[[ TASK INPUT, beginning ]]

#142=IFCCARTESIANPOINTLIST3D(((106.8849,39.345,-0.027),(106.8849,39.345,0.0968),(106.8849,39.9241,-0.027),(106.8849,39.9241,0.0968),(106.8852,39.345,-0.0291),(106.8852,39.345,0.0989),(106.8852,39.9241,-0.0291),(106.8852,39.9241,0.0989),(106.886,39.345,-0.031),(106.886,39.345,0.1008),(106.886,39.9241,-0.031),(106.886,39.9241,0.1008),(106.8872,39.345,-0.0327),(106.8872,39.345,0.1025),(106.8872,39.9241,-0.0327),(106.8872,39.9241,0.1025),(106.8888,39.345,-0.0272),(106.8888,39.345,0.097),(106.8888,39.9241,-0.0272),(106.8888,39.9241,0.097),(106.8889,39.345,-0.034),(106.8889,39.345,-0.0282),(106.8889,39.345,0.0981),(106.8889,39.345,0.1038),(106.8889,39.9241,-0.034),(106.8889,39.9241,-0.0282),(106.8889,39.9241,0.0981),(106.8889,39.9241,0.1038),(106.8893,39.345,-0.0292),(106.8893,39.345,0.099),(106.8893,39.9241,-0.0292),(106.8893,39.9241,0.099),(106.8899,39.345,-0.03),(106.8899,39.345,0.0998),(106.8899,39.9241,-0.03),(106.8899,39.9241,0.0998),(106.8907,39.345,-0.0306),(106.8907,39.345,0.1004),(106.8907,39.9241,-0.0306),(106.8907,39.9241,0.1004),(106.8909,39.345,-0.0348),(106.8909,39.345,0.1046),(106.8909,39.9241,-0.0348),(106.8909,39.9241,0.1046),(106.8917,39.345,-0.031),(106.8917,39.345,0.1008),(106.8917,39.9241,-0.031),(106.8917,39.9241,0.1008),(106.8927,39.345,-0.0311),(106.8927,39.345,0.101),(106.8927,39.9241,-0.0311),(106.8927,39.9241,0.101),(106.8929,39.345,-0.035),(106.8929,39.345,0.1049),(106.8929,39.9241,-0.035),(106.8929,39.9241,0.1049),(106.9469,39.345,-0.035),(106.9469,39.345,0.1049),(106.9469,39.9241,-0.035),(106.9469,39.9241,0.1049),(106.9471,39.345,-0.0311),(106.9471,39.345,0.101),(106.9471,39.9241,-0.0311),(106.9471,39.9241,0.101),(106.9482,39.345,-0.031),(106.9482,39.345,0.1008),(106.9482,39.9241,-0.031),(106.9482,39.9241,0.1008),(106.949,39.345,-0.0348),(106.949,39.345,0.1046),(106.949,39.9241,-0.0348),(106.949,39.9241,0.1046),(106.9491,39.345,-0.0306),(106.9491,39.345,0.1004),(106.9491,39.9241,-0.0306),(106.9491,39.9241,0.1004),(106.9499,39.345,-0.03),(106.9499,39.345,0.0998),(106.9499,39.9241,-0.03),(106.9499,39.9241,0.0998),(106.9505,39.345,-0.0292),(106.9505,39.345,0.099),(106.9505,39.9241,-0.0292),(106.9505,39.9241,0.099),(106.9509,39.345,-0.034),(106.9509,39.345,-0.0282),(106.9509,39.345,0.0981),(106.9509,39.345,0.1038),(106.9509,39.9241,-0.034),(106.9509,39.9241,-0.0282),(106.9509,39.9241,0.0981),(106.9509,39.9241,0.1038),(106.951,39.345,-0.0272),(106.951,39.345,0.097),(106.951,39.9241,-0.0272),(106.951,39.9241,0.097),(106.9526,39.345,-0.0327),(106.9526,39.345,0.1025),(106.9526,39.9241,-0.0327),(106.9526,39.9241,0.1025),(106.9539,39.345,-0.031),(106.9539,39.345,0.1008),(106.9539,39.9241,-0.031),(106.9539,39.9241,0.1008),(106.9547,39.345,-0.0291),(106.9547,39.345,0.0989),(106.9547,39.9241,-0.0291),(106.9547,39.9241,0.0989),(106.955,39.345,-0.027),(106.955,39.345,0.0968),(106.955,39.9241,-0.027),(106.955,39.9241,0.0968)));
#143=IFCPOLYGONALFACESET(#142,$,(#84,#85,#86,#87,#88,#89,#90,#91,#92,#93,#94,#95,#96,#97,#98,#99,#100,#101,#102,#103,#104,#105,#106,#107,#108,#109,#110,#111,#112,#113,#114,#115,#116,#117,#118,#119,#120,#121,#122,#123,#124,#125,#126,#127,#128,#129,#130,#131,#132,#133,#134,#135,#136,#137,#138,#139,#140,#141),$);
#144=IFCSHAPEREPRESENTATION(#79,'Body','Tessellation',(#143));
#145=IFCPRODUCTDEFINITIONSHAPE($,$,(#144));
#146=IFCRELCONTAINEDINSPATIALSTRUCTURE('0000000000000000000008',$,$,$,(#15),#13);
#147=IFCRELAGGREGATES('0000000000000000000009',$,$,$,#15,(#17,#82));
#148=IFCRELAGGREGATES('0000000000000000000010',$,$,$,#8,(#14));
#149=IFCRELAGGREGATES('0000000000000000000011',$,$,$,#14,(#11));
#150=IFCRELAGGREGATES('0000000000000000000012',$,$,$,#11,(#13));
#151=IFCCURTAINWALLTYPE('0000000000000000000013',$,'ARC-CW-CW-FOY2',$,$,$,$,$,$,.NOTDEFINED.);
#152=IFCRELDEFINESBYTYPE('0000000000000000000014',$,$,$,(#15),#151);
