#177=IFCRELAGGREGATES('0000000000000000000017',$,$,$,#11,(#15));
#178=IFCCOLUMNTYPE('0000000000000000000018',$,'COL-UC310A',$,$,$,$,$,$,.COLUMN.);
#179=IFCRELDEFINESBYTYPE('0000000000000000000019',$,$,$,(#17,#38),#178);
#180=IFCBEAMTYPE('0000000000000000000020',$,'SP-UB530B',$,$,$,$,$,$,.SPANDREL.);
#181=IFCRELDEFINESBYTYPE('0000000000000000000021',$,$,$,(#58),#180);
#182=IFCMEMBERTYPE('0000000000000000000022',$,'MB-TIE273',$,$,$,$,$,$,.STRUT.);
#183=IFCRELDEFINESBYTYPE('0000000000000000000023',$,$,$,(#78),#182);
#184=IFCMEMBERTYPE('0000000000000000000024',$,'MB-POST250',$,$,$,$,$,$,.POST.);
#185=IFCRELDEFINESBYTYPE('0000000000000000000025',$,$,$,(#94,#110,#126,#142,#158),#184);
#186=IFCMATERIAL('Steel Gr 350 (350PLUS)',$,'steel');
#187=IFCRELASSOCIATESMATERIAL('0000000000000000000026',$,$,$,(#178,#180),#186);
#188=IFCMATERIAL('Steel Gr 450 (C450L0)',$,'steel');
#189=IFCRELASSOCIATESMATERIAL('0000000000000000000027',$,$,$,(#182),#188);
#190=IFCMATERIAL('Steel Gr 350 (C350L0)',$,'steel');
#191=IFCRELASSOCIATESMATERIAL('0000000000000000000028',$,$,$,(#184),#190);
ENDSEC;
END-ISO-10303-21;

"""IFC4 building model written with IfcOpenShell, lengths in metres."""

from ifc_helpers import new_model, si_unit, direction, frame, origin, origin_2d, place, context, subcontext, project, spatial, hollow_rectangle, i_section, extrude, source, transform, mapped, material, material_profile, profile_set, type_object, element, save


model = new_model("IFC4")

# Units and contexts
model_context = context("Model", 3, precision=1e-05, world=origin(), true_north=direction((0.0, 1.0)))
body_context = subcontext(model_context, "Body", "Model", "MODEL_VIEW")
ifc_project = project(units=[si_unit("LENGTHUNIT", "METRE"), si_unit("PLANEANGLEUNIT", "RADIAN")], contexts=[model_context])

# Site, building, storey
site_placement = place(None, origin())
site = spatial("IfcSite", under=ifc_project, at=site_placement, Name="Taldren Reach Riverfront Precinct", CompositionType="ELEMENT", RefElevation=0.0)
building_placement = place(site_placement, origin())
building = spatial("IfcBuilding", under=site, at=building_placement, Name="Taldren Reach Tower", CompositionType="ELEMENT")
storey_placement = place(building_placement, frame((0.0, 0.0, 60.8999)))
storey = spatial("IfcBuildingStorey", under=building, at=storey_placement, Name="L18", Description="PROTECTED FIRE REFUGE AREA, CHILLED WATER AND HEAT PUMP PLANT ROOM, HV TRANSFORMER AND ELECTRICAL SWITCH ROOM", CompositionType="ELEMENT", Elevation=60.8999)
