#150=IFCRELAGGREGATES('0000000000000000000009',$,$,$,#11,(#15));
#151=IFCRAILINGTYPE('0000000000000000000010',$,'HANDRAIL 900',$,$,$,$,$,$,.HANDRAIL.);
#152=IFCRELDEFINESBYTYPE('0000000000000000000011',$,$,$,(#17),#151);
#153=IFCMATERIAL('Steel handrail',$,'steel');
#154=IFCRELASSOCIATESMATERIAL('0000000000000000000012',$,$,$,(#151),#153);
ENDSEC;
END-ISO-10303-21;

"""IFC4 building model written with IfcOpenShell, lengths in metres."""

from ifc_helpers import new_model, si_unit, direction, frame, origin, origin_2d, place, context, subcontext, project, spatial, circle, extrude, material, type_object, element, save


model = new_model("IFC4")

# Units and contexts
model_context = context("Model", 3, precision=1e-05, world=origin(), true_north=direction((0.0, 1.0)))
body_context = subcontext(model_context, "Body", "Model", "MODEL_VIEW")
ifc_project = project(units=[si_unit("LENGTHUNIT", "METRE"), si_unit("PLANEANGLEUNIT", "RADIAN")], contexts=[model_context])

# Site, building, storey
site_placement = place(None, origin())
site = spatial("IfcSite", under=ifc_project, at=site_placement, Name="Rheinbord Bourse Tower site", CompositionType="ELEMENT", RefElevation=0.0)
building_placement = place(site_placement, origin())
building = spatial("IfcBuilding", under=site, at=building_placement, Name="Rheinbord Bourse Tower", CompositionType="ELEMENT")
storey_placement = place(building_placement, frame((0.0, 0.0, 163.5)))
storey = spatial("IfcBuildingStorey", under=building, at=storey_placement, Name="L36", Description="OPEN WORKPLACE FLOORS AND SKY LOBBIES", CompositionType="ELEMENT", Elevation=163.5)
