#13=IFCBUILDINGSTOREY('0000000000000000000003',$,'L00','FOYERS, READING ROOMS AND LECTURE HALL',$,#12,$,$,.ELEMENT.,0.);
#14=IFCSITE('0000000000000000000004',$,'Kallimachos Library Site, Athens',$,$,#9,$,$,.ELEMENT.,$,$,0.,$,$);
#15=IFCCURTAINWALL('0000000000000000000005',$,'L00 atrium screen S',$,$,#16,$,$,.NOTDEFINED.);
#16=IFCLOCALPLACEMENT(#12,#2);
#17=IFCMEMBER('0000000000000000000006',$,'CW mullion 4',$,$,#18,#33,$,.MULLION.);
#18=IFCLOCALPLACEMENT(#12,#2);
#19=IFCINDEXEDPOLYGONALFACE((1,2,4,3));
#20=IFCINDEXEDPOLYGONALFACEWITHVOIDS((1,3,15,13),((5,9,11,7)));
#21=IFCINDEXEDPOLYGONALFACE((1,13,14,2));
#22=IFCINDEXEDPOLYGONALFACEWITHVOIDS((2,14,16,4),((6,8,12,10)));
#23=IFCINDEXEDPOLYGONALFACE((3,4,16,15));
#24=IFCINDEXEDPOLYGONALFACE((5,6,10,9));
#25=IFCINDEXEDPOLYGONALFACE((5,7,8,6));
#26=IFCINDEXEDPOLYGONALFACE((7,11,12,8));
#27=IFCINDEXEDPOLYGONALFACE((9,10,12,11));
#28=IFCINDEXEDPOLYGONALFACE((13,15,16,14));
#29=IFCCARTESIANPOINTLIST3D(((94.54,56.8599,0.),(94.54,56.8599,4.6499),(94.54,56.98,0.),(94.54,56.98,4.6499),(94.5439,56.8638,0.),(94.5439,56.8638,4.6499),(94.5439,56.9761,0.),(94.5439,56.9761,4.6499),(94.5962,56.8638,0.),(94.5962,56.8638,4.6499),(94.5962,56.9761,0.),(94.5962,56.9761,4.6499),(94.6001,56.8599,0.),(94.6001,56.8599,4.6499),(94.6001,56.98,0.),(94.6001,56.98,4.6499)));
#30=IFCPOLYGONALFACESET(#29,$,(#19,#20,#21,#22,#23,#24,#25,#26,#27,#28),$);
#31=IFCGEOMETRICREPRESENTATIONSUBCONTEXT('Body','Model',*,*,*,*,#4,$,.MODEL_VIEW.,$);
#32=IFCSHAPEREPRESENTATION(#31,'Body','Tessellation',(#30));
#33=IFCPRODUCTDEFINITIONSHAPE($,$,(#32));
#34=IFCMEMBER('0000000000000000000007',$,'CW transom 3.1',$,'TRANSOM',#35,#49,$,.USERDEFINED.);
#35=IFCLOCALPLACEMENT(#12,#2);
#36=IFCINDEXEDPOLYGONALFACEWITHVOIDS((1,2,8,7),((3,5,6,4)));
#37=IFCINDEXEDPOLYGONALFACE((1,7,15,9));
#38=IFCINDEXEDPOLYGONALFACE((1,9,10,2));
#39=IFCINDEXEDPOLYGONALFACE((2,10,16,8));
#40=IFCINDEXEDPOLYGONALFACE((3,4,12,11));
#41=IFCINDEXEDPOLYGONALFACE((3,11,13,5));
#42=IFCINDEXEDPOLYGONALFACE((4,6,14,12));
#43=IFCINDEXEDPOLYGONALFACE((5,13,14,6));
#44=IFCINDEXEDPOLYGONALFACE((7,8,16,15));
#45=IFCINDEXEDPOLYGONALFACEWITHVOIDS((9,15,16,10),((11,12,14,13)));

[[ TASK INPUT, end ]]

EXERCISE OBJECTIVE:
Begin at the line that has "AND LECTURE HALL',$,#12,$,$,.ELEMENT.,0.);" in the entries above; stop after the line that has "#37=IFCINDEXEDPOLYGONALFACE((1,7,15,9));". Transcribe exactly those lines and no others.

WRITTEN REPLY:
#13=IFCBUILDINGSTOREY('0000000000000000000003',$,'L00','FOYERS, READING ROOMS AND LECTURE HALL',$,#12,$,$,.ELEMENT.,0.);
#14=IFCSITE('0000000000000000000004',$,'Kallimachos Library Site, Athens',$,$,#9,$,$,.ELEMENT.,$,$,0.,$,$);
#15=IFCCURTAINWALL('0000000000000000000005',$,'L00 atrium screen S',$,$,#16,$,$,.NOTDEFINED.);
#16=IFCLOCALPLACEMENT(#12,#2);
#17=IFCMEMBER('0000000000000000000006',$,'CW mullion 4',$,$,#18,#33,$,.MULLION.);
#18=IFCLOCALPLACEMENT(#12,#2);
#19=IFCINDEXEDPOLYGONALFACE((1,2,4,3));
#20=IFCINDEXEDPOLYGONALFACEWITHVOIDS((1,3,15,13),((5,9,11,7)));
#21=IFCINDEXEDPOLYGONALFACE((1,13,14,2));
#22=IFCINDEXEDPOLYGONALFACEWITHVOIDS((2,14,16,4),((6,8,12,10)));
#23=IFCINDEXEDPOLYGONALFACE((3,4,16,15));
#24=IFCINDEXEDPOLYGONALFACE((5,6,10,9));
#25=IFCINDEXEDPOLYGONALFACE((5,7,8,6));
#26=IFCINDEXEDPOLYGONALFACE((7,11,12,8));
#27=IFCINDEXEDPOLYGONALFACE((9,10,12,11));
#28=IFCINDEXEDPOLYGONALFACE((13,15,16,14));
#29=IFCCARTESIANPOINTLIST3D(((94.54,56.8599,0.),(94.54,56.8599,4.6499),(94.54,56.98,0.),(94.54,56.98,4.6499),(94.5439,56.8638,0.),(94.5439,56.8638,4.6499),(94.5439,56.9761,0.),(94.5439,56.9761,4.6499),(94.5962,56.8638,0.),(94.5962,56.8638,4.6499),(94.5962,56.9761,0.),(94.5962,56.9761,4.6499),(94.6001,56.8599,0.),(94.6001,56.8599,4.6499),(94.6001,56.98,0.),(94.6001,56.98,4.6499)));
#30=IFCPOLYGONALFACESET(#29,$,(#19,#20,#21,#22,#23,#24,#25,#26,#27,#28),$);
#31=IFCGEOMETRICREPRESENTATIONSUBCONTEXT('Body','Model',*,*,*,*,#4,$,.MODEL_VIEW.,$);
#32=IFCSHAPEREPRESENTATION(#31,'Body','Tessellation',(#30));
#33=IFCPRODUCTDEFINITIONSHAPE($,$,(#32));
#34=IFCMEMBER('0000000000000000000007',$,'CW transom 3.1',$,'TRANSOM',#35,#49,$,.USERDEFINED.);
#35=IFCLOCALPLACEMENT(#12,#2);
#36=IFCINDEXEDPOLYGONALFACEWITHVOIDS((1,2,8,7),((3,5,6,4)));
#37=IFCINDEXEDPOLYGONALFACE((1,7,15,9));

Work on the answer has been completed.